Entries taken from a collection
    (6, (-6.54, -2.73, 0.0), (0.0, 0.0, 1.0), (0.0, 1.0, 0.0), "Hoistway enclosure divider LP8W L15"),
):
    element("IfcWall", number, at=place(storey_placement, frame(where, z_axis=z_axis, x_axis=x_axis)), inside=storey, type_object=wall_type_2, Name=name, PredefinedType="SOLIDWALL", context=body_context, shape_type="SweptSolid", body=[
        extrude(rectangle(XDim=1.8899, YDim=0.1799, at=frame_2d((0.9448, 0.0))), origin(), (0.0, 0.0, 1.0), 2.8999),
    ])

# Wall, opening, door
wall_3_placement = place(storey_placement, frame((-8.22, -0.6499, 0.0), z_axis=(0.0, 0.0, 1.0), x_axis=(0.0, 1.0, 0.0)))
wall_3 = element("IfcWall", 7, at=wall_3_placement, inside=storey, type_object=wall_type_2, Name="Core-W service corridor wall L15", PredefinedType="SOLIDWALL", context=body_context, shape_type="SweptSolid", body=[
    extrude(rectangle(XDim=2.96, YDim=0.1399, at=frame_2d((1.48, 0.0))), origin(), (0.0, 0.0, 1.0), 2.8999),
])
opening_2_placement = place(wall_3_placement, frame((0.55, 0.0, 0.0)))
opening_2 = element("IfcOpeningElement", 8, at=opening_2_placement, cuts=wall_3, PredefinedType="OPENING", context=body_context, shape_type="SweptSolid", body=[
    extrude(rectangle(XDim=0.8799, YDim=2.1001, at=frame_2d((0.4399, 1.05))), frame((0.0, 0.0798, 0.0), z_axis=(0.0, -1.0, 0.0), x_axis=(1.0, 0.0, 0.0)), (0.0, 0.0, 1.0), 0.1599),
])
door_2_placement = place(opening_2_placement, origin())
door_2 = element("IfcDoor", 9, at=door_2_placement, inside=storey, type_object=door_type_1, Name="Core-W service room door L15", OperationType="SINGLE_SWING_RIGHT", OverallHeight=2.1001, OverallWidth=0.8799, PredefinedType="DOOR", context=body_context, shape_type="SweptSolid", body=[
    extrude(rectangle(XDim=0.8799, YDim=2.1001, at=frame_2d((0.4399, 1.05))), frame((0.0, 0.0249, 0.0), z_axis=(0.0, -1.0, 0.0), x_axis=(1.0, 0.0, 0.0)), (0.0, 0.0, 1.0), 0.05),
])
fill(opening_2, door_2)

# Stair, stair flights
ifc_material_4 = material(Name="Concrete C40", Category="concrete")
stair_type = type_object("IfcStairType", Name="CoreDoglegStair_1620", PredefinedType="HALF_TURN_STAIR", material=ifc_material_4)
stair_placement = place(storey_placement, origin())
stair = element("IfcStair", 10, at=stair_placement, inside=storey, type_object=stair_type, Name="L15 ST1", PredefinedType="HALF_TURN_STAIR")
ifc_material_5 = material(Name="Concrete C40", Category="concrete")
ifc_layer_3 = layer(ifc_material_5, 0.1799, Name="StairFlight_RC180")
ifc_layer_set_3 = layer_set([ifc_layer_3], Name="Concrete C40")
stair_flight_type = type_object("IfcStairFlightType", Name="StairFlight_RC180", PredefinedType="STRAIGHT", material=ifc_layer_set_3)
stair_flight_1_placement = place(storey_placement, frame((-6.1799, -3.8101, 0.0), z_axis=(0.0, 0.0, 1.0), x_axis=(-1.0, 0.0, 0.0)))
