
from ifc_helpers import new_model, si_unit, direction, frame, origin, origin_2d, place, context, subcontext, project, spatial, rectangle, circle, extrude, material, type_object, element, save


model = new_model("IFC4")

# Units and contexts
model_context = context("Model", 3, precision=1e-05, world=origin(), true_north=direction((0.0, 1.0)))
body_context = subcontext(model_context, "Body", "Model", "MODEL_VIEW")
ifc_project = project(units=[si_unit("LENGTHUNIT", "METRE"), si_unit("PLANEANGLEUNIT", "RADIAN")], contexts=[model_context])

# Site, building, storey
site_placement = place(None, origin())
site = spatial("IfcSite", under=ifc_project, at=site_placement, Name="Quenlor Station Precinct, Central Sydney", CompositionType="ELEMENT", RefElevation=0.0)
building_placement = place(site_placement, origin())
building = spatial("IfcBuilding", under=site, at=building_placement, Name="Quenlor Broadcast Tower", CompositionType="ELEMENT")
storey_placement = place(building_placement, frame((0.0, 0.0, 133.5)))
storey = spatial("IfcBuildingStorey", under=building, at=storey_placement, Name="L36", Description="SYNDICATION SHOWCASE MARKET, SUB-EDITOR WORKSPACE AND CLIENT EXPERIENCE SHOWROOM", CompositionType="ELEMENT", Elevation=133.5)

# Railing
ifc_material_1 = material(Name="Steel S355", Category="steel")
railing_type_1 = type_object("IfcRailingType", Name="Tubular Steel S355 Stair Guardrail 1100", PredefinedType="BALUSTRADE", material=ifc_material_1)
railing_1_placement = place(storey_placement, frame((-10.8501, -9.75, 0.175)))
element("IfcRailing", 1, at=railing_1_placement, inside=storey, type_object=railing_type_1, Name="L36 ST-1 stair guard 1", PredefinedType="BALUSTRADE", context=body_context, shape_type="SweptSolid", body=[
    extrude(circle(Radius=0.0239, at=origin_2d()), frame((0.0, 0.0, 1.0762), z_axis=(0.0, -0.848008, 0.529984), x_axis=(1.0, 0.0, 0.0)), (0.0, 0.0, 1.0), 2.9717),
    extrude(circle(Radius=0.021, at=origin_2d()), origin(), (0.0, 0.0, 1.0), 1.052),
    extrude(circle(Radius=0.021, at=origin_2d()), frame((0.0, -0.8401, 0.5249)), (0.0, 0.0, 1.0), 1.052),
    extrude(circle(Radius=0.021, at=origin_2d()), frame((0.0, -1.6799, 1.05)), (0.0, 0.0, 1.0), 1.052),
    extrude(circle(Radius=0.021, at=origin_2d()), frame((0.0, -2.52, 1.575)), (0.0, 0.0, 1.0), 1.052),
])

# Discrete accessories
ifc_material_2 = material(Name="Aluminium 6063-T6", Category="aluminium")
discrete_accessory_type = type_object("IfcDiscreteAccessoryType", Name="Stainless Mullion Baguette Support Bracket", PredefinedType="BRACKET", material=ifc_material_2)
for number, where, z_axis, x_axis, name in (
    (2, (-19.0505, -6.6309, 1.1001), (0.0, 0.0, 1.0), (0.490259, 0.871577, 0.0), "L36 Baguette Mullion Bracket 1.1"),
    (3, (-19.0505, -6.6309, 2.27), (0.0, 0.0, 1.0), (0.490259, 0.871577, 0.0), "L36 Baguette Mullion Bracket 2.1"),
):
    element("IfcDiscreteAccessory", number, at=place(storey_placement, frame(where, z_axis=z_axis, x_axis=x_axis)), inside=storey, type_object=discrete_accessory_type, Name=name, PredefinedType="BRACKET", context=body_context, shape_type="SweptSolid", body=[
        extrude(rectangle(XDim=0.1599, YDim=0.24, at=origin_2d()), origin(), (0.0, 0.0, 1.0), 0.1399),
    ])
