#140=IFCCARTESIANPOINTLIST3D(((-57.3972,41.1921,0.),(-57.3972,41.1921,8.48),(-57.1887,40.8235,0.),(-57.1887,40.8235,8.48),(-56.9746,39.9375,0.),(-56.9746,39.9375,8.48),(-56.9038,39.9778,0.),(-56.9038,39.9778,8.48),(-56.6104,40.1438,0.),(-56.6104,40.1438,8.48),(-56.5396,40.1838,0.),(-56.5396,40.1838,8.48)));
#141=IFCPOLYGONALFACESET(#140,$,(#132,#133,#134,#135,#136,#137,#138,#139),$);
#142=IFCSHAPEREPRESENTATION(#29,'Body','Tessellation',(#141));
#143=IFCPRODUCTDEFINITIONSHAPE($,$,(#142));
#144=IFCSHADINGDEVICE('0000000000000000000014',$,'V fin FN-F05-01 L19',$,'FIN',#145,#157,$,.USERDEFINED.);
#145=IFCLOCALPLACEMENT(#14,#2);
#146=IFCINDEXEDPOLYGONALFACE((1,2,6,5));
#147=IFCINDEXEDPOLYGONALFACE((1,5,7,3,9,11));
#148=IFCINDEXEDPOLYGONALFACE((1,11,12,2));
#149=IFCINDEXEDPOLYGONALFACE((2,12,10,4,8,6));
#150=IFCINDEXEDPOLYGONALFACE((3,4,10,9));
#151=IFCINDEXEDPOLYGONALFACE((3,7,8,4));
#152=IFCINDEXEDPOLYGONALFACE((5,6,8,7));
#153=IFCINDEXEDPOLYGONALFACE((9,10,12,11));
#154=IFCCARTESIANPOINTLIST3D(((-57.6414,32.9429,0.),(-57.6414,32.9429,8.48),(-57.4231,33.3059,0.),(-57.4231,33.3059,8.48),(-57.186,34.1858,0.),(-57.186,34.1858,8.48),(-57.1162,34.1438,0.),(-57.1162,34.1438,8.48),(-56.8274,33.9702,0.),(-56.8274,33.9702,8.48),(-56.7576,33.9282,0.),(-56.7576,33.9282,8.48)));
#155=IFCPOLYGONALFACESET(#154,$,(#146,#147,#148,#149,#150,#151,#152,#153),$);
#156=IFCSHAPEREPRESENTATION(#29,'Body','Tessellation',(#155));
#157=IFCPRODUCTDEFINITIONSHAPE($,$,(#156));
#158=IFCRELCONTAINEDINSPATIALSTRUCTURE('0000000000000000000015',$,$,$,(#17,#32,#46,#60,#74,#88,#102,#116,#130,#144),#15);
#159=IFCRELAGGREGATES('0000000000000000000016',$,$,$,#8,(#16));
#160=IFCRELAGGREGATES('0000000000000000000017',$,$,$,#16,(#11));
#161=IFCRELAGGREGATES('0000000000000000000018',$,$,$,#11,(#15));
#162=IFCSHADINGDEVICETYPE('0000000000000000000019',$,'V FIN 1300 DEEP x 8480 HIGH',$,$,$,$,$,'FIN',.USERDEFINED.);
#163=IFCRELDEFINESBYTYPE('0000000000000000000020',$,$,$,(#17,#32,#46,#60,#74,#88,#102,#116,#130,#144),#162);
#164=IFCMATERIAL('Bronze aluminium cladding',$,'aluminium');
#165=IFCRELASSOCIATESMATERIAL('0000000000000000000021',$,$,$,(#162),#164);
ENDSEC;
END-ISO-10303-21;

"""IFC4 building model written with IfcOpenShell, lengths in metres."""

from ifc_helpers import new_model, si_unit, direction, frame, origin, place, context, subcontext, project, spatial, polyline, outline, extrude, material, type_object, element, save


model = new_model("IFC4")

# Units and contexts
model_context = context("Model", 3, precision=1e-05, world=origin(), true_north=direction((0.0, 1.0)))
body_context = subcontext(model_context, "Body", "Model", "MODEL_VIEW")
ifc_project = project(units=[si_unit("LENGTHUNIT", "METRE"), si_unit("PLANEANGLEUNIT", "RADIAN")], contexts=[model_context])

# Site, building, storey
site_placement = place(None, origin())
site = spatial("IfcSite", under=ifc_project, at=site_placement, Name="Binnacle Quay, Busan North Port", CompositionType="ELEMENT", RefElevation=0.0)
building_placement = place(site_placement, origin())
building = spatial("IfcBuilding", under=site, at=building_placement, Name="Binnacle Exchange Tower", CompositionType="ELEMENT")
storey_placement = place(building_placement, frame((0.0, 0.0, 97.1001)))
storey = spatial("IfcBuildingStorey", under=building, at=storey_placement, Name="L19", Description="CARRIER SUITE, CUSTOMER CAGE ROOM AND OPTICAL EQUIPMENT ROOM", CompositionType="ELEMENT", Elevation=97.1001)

ASSIGNED TASK.
Using the data above, reproduce exactly the lines from the line that contains "service corridor wall" through the line that contains "x_axis=(-1.0, 0.0, 0.0)))", including both.

TASK RESPONSE.
wall_3 = element("IfcWall", 7, at=wall_3_placement, inside=storey, type_object=wall_type_2, Name="Core-W service corridor wall L15", PredefinedType="SOLIDWALL", context=body_context, shape_type="SweptSolid", body=[
    extrude(rectangle(XDim=2.96, YDim=0.1399, at=frame_2d((1.48, 0.0))), origin(), (0.0, 0.0, 1.0), 2.8999),
])
opening_2_placement = place(wall_3_placement, frame((0.55, 0.0, 0.0)))
opening_2 = element("IfcOpeningElement", 8, at=opening_2_placement, cuts=wall_3, PredefinedType="OPENING", context=body_context, shape_type="SweptSolid", body=[
    extrude(rectangle(XDim=0.8799, YDim=2.1001, at=frame_2d((0.4399, 1.05))), frame((0.0, 0.0798, 0.0), z_axis=(0.0, -1.0, 0.0), x_axis=(1.0, 0.0, 0.0)), (0.0, 0.0, 1.0), 0.1599),
])
door_2_placement = place(opening_2_placement, origin())
door_2 = element("IfcDoor", 9, at=door_2_placement, inside=storey, type_object=door_type_1, Name="Core-W service room door L15", OperationType="SINGLE_SWING_RIGHT", OverallHeight=2.1001, OverallWidth=0.8799, PredefinedType="DOOR", context=body_context, shape_type="SweptSolid", body=[
    extrude(rectangle(XDim=0.8799, YDim=2.1001, at=frame_2d((0.4399, 1.05))), frame((0.0, 0.0249, 0.0), z_axis=(0.0, -1.0, 0.0), x_axis=(1.0, 0.0, 0.0)), (0.0, 0.0, 1.0), 0.05),
])
fill(opening_2, door_2)

# Stair, stair flights
ifc_material_4 = material(Name="Concrete C40", Category="concrete")
stair_type = type_object("IfcStairType", Name="CoreDoglegStair_1620", PredefinedType="HALF_TURN_STAIR", material=ifc_material_4)
stair_placement = place(storey_placement, origin())
stair = element("IfcStair", 10, at=stair_placement, inside=storey, type_object=stair_type, Name="L15 ST1", PredefinedType="HALF_TURN_STAIR")
ifc_material_5 = material(Name="Concrete C40", Category="concrete")
ifc_layer_3 = layer(ifc_material_5, 0.1799, Name="StairFlight_RC180")
ifc_layer_set_3 = layer_set([ifc_layer_3], Name="Concrete C40")
stair_flight_type = type_object("IfcStairFlightType", Name="StairFlight_RC180", PredefinedType="STRAIGHT", material=ifc_layer_set_3)
stair_flight_1_placement = place(storey_placement, frame((-6.1799, -3.8101, 0.0), z_axis=(0.0, 0.0, 1.0), x_axis=(-1.0, 0.0, 0.0)))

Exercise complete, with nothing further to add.